*** Dataset extract ***
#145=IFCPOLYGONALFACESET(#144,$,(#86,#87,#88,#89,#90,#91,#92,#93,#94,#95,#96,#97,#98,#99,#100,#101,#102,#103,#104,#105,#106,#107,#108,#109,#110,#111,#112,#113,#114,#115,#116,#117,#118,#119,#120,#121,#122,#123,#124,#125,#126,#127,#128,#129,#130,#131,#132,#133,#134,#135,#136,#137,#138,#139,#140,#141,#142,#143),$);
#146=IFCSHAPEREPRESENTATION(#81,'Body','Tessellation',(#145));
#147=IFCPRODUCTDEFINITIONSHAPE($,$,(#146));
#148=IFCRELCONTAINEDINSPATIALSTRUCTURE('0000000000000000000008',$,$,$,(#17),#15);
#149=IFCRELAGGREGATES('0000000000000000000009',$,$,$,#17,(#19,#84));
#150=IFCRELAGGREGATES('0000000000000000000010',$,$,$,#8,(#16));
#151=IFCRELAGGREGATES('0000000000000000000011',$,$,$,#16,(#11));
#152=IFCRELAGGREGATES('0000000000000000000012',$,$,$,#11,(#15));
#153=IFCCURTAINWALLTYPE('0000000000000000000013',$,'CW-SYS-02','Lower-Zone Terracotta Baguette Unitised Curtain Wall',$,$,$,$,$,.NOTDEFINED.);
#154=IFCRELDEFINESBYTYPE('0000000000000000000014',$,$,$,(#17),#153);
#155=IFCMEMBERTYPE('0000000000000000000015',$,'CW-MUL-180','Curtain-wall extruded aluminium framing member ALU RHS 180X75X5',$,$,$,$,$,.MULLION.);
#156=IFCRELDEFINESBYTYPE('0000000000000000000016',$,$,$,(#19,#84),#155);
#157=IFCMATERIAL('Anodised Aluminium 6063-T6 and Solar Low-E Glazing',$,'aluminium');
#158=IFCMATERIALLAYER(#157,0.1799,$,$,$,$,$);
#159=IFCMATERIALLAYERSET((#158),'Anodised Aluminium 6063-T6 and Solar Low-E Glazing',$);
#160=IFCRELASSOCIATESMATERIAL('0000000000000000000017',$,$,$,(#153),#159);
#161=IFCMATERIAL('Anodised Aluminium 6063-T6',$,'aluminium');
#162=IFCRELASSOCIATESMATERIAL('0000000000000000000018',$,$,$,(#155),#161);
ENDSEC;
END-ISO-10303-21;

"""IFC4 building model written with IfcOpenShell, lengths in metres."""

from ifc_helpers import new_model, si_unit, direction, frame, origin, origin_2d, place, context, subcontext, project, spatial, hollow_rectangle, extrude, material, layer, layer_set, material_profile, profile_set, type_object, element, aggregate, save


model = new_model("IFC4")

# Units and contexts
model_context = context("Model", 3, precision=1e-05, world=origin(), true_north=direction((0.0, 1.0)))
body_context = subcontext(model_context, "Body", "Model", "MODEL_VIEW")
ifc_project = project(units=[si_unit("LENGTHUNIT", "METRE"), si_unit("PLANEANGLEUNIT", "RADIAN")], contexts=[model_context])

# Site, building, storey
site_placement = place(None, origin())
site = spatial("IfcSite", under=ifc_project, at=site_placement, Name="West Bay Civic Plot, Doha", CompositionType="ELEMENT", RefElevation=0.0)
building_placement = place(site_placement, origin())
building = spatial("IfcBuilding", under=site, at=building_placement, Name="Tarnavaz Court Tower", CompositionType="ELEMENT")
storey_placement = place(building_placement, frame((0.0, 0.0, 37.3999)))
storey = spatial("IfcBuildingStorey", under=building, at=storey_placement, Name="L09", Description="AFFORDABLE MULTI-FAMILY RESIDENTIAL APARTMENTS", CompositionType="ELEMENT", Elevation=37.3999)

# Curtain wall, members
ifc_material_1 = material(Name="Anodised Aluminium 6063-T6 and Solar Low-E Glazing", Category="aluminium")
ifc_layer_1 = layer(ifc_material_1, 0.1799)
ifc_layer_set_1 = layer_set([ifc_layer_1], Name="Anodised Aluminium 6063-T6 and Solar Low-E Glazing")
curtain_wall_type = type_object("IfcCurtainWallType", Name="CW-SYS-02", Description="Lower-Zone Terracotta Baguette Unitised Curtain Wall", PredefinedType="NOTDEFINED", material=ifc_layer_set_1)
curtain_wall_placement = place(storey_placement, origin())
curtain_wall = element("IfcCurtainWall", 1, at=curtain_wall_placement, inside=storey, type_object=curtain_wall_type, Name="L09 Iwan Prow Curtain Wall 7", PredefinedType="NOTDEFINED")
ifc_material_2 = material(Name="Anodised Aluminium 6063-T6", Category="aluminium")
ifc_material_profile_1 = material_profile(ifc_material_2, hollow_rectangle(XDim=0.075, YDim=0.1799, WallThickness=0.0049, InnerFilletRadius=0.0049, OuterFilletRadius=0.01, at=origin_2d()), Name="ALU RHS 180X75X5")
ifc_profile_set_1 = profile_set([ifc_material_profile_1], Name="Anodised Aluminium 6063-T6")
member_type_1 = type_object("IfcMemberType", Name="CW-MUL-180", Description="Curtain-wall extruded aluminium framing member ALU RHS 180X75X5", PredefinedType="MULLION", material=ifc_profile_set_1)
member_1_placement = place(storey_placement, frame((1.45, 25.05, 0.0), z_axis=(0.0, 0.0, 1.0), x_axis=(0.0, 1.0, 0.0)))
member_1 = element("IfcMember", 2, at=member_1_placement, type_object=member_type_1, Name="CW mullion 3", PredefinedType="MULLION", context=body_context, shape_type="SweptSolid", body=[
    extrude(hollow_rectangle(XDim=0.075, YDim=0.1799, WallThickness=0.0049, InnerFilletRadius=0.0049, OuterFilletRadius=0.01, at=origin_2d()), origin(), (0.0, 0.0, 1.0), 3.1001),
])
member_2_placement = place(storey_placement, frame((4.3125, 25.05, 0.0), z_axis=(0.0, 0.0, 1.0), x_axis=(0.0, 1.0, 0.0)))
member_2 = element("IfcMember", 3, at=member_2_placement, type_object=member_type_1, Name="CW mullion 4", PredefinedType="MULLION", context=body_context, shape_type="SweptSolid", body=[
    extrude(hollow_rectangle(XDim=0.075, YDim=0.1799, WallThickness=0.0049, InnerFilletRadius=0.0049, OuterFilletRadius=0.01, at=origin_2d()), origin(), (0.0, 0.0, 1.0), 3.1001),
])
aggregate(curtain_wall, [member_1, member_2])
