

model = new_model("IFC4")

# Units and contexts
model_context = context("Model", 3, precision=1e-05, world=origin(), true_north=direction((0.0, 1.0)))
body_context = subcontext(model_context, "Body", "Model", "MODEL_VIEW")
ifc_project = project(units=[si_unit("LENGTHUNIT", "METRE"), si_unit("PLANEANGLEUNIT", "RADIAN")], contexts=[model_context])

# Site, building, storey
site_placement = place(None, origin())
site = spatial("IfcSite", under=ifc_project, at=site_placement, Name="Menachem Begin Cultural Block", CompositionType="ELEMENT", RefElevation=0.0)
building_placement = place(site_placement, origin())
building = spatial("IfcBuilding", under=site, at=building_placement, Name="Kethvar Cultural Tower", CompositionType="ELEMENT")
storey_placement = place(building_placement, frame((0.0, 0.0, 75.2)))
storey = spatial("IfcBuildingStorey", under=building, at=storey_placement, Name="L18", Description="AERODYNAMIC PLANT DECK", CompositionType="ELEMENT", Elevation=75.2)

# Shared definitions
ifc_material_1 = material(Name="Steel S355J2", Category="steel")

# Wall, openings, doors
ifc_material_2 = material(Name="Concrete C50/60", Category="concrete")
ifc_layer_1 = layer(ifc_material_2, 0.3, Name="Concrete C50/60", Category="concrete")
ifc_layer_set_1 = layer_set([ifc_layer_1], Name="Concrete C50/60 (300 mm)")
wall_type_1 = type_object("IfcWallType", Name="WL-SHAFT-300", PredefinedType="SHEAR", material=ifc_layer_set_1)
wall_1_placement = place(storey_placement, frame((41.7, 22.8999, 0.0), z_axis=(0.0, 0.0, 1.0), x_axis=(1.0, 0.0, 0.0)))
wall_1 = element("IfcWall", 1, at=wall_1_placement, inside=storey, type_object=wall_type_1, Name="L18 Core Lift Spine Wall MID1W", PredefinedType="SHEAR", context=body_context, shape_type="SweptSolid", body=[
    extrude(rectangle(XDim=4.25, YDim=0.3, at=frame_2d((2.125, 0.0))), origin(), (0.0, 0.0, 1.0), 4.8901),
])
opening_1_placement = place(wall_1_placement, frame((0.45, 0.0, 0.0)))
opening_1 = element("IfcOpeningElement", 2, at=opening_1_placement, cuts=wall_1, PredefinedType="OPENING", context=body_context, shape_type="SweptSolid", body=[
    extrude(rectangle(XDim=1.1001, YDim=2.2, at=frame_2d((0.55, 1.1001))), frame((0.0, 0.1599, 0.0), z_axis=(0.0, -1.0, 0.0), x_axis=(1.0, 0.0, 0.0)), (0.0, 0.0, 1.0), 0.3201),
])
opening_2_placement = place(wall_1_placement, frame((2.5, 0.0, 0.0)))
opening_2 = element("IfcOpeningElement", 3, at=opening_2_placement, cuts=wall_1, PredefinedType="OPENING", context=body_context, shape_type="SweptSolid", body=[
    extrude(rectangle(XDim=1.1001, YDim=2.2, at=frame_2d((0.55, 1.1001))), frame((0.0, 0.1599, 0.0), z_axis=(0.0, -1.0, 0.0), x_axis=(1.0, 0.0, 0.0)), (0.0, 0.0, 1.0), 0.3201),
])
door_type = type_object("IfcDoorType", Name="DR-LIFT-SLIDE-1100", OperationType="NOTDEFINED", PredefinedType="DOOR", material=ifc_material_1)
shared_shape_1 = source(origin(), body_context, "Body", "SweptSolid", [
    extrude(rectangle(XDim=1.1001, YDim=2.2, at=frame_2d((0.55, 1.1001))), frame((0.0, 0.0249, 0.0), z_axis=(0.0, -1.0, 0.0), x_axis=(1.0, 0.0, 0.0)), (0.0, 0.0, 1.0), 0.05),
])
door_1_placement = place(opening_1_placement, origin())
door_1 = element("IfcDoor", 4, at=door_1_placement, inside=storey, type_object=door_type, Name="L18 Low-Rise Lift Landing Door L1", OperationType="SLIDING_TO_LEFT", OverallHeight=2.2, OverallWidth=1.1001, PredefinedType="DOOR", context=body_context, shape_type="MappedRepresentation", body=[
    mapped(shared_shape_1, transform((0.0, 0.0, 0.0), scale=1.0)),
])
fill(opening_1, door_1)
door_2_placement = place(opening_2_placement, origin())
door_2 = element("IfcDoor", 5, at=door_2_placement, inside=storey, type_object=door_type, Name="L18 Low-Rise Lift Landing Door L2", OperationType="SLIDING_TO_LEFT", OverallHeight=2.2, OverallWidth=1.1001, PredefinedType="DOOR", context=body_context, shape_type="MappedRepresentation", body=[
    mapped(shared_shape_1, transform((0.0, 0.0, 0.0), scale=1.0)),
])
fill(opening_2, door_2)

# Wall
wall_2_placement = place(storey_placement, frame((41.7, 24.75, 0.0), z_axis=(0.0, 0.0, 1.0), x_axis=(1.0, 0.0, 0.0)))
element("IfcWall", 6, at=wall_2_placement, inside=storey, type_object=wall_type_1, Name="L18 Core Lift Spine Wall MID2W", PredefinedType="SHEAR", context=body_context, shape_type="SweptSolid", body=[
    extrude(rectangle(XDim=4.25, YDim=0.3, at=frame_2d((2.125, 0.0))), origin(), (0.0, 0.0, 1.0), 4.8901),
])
***
**Exercise aim:** Using the material above, report each line where "Glazing" occurs.

**Result:**
#157=IFCMATERIAL('Anodised Aluminium 6063-T6 and Solar Low-E Glazing',$,'aluminium');
#159=IFCMATERIALLAYERSET((#158),'Anodised Aluminium 6063-T6 and Solar Low-E Glazing',$);
ifc_material_1 = material(Name="Anodised Aluminium 6063-T6 and Solar Low-E Glazing", Category="aluminium")
ifc_layer_set_1 = layer_set([ifc_layer_1], Name="Anodised Aluminium 6063-T6 and Solar Low-E Glazing")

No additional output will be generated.